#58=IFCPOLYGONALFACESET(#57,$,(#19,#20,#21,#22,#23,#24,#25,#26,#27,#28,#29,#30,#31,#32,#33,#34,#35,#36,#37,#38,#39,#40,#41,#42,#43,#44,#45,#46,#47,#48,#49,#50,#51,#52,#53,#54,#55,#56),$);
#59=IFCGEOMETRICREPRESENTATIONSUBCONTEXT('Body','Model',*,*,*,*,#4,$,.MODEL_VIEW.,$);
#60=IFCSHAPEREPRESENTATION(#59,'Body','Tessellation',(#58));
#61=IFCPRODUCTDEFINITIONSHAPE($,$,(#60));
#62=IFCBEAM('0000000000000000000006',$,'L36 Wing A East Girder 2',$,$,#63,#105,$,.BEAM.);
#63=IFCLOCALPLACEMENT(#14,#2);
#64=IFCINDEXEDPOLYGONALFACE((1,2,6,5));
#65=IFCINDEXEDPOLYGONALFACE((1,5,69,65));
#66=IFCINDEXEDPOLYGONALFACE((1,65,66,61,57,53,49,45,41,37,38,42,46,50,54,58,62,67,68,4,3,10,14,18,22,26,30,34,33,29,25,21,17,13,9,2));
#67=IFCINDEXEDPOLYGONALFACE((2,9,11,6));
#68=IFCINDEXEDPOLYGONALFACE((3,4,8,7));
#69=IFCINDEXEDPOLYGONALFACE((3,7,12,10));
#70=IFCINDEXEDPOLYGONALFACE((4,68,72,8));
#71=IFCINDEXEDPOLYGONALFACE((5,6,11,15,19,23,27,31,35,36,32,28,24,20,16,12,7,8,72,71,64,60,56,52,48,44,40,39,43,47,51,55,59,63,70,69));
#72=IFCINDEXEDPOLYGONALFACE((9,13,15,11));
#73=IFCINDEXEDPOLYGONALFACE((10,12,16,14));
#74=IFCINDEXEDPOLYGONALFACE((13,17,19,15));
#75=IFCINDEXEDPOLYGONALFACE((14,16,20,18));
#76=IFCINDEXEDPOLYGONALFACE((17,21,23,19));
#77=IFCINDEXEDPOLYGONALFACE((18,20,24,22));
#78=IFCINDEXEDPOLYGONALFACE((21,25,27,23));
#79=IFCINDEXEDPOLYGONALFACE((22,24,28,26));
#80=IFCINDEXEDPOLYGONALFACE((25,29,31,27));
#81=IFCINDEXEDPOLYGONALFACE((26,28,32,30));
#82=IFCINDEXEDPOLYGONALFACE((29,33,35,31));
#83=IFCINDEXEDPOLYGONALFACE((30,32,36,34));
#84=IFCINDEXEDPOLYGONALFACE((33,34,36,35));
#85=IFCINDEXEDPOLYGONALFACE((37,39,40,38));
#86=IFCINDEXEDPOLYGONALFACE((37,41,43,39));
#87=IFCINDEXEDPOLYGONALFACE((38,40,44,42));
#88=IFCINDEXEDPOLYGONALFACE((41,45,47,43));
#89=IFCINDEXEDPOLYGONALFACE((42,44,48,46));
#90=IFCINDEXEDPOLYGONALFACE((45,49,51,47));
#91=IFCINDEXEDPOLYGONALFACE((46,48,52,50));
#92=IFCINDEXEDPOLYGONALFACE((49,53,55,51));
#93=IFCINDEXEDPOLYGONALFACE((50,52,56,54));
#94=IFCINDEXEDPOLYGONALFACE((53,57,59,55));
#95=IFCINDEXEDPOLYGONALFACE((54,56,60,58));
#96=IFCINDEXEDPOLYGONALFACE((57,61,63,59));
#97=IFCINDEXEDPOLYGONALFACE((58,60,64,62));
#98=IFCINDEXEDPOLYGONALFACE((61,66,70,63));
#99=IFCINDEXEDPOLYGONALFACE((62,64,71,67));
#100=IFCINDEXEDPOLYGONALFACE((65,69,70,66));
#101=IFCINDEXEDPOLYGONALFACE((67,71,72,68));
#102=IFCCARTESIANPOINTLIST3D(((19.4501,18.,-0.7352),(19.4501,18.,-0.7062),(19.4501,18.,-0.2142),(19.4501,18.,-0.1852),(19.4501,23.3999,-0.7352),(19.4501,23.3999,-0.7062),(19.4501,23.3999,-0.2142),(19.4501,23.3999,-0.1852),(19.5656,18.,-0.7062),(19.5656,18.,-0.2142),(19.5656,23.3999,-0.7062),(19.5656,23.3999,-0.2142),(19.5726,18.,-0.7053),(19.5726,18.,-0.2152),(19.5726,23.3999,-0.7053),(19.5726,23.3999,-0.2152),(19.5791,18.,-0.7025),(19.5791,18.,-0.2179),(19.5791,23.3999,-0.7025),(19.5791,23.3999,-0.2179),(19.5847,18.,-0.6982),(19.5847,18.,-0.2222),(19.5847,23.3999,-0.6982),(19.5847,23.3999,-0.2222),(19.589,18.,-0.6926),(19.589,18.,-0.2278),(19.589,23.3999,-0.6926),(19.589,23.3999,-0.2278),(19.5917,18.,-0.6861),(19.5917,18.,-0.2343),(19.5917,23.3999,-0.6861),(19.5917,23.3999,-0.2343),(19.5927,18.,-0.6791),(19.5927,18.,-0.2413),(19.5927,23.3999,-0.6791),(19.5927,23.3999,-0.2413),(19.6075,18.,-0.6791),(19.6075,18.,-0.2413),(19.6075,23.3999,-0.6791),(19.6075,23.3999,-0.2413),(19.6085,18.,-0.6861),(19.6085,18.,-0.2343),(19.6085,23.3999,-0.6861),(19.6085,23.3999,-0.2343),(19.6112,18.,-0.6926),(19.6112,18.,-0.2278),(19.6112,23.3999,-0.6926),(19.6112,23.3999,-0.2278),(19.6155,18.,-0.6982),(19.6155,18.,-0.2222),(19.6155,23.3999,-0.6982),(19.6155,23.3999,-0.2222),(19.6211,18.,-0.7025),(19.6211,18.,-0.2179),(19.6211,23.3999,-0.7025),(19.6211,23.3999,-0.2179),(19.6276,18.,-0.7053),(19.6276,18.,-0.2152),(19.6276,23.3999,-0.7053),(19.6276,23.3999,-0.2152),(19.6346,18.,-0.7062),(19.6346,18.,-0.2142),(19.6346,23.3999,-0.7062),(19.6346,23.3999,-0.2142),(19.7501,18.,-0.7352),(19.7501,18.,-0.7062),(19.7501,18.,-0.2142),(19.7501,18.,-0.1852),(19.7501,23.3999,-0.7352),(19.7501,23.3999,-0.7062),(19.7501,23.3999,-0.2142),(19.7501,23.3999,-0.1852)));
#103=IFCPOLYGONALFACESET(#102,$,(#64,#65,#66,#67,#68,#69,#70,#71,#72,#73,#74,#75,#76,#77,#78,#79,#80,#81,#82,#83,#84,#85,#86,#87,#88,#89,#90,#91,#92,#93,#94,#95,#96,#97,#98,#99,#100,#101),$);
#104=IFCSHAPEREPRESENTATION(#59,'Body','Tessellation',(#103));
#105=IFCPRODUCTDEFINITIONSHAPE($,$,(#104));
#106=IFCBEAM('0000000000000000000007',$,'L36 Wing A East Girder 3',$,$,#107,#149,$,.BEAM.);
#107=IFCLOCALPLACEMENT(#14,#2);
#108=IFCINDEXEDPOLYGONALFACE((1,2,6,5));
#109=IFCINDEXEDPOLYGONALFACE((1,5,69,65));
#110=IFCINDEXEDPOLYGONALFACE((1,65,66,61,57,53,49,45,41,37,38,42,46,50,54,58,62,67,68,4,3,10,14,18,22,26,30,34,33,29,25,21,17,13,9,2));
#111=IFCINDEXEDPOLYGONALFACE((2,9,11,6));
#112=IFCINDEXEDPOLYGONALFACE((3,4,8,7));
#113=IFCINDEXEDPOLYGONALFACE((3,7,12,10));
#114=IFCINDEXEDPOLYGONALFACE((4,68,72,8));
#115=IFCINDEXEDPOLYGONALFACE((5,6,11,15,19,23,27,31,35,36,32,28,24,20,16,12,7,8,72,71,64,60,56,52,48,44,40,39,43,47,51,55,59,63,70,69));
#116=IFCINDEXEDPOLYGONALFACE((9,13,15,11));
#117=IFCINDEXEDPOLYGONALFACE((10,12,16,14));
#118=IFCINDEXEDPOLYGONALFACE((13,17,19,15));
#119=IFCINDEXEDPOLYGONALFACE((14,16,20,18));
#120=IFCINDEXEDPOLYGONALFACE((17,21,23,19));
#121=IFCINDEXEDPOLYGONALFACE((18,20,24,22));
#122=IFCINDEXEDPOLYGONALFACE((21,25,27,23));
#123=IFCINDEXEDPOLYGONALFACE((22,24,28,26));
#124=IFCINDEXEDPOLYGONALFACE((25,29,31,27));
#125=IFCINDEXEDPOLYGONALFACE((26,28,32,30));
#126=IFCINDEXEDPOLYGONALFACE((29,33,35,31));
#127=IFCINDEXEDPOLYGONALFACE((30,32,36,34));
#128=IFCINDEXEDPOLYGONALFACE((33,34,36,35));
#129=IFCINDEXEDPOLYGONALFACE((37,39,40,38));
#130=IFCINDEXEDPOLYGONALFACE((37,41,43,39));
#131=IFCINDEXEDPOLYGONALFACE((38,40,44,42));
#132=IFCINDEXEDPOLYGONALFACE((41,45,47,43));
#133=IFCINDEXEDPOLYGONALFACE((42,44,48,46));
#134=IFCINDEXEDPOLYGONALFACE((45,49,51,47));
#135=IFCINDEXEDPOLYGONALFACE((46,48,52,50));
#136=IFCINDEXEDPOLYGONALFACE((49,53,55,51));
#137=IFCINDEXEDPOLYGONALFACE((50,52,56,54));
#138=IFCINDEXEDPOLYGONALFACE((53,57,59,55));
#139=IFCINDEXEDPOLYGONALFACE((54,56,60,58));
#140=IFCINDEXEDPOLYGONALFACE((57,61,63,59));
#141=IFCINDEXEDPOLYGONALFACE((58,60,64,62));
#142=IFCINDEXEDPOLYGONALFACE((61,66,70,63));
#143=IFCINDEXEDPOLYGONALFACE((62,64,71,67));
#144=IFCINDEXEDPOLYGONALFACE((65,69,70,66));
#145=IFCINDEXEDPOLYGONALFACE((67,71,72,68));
========
Goal of the exercise:
For this exercise, the answer is the lines from the one containing "#137=IFCINDEXEDPOLYGONALFACE((50,52,56,54));" through the end of the listing above, reproduced exactly.

Finished task:
#137=IFCINDEXEDPOLYGONALFACE((50,52,56,54));
#138=IFCINDEXEDPOLYGONALFACE((53,57,59,55));
#139=IFCINDEXEDPOLYGONALFACE((54,56,60,58));
#140=IFCINDEXEDPOLYGONALFACE((57,61,63,59));
#141=IFCINDEXEDPOLYGONALFACE((58,60,64,62));
#142=IFCINDEXEDPOLYGONALFACE((61,66,70,63));
#143=IFCINDEXEDPOLYGONALFACE((62,64,71,67));
#144=IFCINDEXEDPOLYGONALFACE((65,69,70,66));
#145=IFCINDEXEDPOLYGONALFACE((67,71,72,68));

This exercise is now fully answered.